**What is being asked**: Some of the lines below need repeating. Reproduce exactly those between the lines holding "#125=IFCINDEXEDPOLYGONALFACE((11,12,16,15));" and "#142=IFCINDEXEDPOLYGONALFACE((1,2,4,3));", inclusive.

**Stored data entries**:

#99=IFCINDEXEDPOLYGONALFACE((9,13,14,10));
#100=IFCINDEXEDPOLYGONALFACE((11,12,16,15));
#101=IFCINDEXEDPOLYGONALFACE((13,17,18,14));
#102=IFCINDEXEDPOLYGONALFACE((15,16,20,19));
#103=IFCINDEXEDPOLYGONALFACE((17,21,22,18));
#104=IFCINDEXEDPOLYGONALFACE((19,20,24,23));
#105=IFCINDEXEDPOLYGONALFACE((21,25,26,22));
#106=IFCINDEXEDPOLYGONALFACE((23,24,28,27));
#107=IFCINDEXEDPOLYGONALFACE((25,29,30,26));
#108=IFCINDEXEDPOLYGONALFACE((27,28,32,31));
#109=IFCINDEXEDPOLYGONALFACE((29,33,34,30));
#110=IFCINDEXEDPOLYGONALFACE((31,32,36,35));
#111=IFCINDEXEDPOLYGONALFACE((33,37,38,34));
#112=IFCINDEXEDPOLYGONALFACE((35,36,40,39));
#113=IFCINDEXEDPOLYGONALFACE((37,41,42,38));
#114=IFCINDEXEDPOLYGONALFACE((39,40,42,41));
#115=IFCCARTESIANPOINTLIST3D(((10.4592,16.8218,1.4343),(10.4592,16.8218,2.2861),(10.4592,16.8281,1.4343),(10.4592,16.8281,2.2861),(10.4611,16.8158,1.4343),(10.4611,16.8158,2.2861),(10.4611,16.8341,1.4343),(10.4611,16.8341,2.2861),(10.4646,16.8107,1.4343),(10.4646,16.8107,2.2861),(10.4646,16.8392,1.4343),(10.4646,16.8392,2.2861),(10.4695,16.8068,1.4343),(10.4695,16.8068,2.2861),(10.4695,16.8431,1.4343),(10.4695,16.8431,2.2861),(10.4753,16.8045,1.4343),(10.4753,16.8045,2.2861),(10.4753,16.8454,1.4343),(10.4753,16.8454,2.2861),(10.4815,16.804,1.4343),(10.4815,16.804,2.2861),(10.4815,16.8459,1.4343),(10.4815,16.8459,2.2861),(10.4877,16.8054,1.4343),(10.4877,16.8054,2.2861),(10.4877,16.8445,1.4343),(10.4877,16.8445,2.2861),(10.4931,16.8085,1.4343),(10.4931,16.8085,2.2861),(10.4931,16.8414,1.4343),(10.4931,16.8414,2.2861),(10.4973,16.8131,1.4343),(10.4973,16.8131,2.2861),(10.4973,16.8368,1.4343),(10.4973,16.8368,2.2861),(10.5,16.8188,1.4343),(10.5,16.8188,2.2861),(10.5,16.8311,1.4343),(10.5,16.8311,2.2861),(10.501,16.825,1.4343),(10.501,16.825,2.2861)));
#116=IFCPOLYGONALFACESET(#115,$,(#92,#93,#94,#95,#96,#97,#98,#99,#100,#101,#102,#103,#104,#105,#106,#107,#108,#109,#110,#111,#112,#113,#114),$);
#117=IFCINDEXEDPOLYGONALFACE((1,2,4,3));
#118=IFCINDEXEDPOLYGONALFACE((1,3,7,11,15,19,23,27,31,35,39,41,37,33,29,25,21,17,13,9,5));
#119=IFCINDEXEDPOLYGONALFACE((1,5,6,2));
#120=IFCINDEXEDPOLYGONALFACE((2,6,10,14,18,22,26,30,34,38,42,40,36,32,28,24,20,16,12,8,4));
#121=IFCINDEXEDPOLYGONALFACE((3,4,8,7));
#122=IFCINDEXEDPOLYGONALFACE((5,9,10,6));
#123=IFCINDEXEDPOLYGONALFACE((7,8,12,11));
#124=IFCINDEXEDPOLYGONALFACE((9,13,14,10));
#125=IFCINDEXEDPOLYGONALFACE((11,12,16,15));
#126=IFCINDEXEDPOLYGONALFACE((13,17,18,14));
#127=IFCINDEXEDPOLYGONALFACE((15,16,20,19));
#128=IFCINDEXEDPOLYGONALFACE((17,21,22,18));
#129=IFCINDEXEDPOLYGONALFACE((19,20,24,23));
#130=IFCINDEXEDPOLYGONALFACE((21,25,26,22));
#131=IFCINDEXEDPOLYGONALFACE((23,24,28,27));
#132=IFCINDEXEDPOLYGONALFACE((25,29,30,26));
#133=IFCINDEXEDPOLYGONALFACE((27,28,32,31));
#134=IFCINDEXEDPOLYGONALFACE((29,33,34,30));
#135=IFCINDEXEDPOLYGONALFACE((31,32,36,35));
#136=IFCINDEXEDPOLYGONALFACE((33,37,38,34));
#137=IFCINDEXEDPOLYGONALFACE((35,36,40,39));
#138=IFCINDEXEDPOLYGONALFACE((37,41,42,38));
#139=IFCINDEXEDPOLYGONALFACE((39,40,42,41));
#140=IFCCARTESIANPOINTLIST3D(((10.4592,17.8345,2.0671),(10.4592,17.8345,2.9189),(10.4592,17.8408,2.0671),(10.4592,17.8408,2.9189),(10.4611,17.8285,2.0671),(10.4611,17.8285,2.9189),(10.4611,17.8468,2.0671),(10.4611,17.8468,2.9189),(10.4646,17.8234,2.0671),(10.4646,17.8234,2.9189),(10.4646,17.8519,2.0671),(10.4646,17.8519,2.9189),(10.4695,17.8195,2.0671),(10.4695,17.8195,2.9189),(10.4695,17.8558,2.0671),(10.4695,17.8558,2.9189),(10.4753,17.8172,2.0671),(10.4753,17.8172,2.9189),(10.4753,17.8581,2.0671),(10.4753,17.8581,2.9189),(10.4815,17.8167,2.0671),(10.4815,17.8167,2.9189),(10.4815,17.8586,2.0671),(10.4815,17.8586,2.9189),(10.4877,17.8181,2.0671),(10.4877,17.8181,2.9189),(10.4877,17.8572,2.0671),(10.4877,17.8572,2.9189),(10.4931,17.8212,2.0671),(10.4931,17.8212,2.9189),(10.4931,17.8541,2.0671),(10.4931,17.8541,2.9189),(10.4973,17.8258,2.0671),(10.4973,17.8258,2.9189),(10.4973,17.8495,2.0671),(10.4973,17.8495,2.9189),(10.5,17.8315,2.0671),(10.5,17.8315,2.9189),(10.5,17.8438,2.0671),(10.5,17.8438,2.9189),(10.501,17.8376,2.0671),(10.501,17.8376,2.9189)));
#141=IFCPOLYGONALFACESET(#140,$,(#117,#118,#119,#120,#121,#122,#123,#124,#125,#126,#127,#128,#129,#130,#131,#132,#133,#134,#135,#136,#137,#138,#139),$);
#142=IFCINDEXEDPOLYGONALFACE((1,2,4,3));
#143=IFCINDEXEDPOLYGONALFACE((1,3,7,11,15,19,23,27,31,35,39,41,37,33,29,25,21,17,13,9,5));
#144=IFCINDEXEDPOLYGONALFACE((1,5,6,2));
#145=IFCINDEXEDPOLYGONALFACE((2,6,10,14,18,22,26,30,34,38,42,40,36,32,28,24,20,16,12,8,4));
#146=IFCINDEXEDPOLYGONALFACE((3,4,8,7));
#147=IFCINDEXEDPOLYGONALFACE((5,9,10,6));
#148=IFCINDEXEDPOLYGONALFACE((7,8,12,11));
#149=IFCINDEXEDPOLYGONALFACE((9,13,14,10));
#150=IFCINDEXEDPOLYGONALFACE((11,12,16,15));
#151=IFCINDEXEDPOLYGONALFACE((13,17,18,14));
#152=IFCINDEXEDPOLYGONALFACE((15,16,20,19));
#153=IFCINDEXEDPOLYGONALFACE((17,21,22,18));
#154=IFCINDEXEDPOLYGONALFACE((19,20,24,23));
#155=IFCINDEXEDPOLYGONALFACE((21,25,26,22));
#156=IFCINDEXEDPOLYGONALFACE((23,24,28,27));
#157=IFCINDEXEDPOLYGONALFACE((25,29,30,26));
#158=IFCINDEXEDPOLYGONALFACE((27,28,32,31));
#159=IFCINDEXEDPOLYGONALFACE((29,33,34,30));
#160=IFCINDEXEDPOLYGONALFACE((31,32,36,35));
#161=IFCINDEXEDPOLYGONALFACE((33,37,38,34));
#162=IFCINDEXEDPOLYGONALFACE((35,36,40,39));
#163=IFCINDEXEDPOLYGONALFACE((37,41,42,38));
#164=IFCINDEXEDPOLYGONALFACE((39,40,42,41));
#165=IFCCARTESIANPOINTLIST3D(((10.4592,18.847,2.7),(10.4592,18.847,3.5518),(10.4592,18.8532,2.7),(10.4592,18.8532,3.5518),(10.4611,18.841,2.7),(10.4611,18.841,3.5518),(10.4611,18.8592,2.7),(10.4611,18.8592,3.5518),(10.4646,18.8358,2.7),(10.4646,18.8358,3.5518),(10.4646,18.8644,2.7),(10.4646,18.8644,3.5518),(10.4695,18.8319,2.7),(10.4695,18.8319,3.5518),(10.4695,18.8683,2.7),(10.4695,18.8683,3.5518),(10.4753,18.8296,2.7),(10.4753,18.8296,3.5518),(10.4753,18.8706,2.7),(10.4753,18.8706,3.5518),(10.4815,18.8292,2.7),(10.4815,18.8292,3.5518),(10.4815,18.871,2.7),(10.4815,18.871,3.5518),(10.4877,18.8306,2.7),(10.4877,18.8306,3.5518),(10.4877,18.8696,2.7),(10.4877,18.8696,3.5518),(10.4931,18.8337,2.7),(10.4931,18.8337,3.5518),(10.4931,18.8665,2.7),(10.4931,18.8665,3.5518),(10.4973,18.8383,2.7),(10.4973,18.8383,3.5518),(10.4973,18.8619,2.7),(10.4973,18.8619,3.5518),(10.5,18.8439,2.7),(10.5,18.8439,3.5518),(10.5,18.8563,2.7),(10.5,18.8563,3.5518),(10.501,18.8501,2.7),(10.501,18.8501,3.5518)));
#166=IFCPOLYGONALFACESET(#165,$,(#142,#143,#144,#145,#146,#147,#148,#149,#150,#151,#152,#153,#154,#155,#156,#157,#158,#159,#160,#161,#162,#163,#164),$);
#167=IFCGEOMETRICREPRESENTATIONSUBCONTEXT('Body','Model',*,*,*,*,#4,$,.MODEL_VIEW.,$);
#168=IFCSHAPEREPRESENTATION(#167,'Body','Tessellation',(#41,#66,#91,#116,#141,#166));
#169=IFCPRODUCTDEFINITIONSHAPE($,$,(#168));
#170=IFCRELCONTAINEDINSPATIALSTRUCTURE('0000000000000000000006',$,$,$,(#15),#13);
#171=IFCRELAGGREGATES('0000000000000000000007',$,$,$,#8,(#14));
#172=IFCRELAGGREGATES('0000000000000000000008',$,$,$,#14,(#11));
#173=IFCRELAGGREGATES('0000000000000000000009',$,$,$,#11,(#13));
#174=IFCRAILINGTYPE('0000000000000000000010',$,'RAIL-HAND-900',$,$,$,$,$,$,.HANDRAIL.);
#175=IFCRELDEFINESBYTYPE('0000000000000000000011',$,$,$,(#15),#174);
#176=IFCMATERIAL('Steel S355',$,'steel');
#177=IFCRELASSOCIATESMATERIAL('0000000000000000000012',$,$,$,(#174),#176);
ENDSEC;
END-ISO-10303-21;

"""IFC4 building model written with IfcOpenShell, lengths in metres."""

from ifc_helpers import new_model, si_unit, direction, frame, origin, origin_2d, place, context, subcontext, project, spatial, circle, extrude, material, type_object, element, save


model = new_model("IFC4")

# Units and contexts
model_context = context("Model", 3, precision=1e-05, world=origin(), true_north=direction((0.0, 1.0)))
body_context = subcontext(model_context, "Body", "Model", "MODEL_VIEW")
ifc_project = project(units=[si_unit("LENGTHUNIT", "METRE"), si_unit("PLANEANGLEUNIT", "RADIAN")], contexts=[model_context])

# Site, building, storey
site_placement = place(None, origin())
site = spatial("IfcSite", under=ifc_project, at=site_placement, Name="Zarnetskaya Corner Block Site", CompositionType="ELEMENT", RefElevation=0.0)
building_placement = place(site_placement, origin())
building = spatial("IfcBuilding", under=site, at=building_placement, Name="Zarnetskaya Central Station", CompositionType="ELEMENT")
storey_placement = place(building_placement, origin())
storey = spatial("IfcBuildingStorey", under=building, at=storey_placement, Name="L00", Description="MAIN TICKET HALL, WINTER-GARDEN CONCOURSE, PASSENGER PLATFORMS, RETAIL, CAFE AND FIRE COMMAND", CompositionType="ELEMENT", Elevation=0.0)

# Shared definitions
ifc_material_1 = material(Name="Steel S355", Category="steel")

**Task result**:
#125=IFCINDEXEDPOLYGONALFACE((11,12,16,15));
#126=IFCINDEXEDPOLYGONALFACE((13,17,18,14));
#127=IFCINDEXEDPOLYGONALFACE((15,16,20,19));
#128=IFCINDEXEDPOLYGONALFACE((17,21,22,18));
#129=IFCINDEXEDPOLYGONALFACE((19,20,24,23));
#130=IFCINDEXEDPOLYGONALFACE((21,25,26,22));
#131=IFCINDEXEDPOLYGONALFACE((23,24,28,27));
#132=IFCINDEXEDPOLYGONALFACE((25,29,30,26));
#133=IFCINDEXEDPOLYGONALFACE((27,28,32,31));
#134=IFCINDEXEDPOLYGONALFACE((29,33,34,30));
#135=IFCINDEXEDPOLYGONALFACE((31,32,36,35));
#136=IFCINDEXEDPOLYGONALFACE((33,37,38,34));
#137=IFCINDEXEDPOLYGONALFACE((35,36,40,39));
#138=IFCINDEXEDPOLYGONALFACE((37,41,42,38));
#139=IFCINDEXEDPOLYGONALFACE((39,40,42,41));
#140=IFCCARTESIANPOINTLIST3D(((10.4592,17.8345,2.0671),(10.4592,17.8345,2.9189),(10.4592,17.8408,2.0671),(10.4592,17.8408,2.9189),(10.4611,17.8285,2.0671),(10.4611,17.8285,2.9189),(10.4611,17.8468,2.0671),(10.4611,17.8468,2.9189),(10.4646,17.8234,2.0671),(10.4646,17.8234,2.9189),(10.4646,17.8519,2.0671),(10.4646,17.8519,2.9189),(10.4695,17.8195,2.0671),(10.4695,17.8195,2.9189),(10.4695,17.8558,2.0671),(10.4695,17.8558,2.9189),(10.4753,17.8172,2.0671),(10.4753,17.8172,2.9189),(10.4753,17.8581,2.0671),(10.4753,17.8581,2.9189),(10.4815,17.8167,2.0671),(10.4815,17.8167,2.9189),(10.4815,17.8586,2.0671),(10.4815,17.8586,2.9189),(10.4877,17.8181,2.0671),(10.4877,17.8181,2.9189),(10.4877,17.8572,2.0671),(10.4877,17.8572,2.9189),(10.4931,17.8212,2.0671),(10.4931,17.8212,2.9189),(10.4931,17.8541,2.0671),(10.4931,17.8541,2.9189),(10.4973,17.8258,2.0671),(10.4973,17.8258,2.9189),(10.4973,17.8495,2.0671),(10.4973,17.8495,2.9189),(10.5,17.8315,2.0671),(10.5,17.8315,2.9189),(10.5,17.8438,2.0671),(10.5,17.8438,2.9189),(10.501,17.8376,2.0671),(10.501,17.8376,2.9189)));
#141=IFCPOLYGONALFACESET(#140,$,(#117,#118,#119,#120,#121,#122,#123,#124,#125,#126,#127,#128,#129,#130,#131,#132,#133,#134,#135,#136,#137,#138,#139),$);
#142=IFCINDEXEDPOLYGONALFACE((1,2,4,3));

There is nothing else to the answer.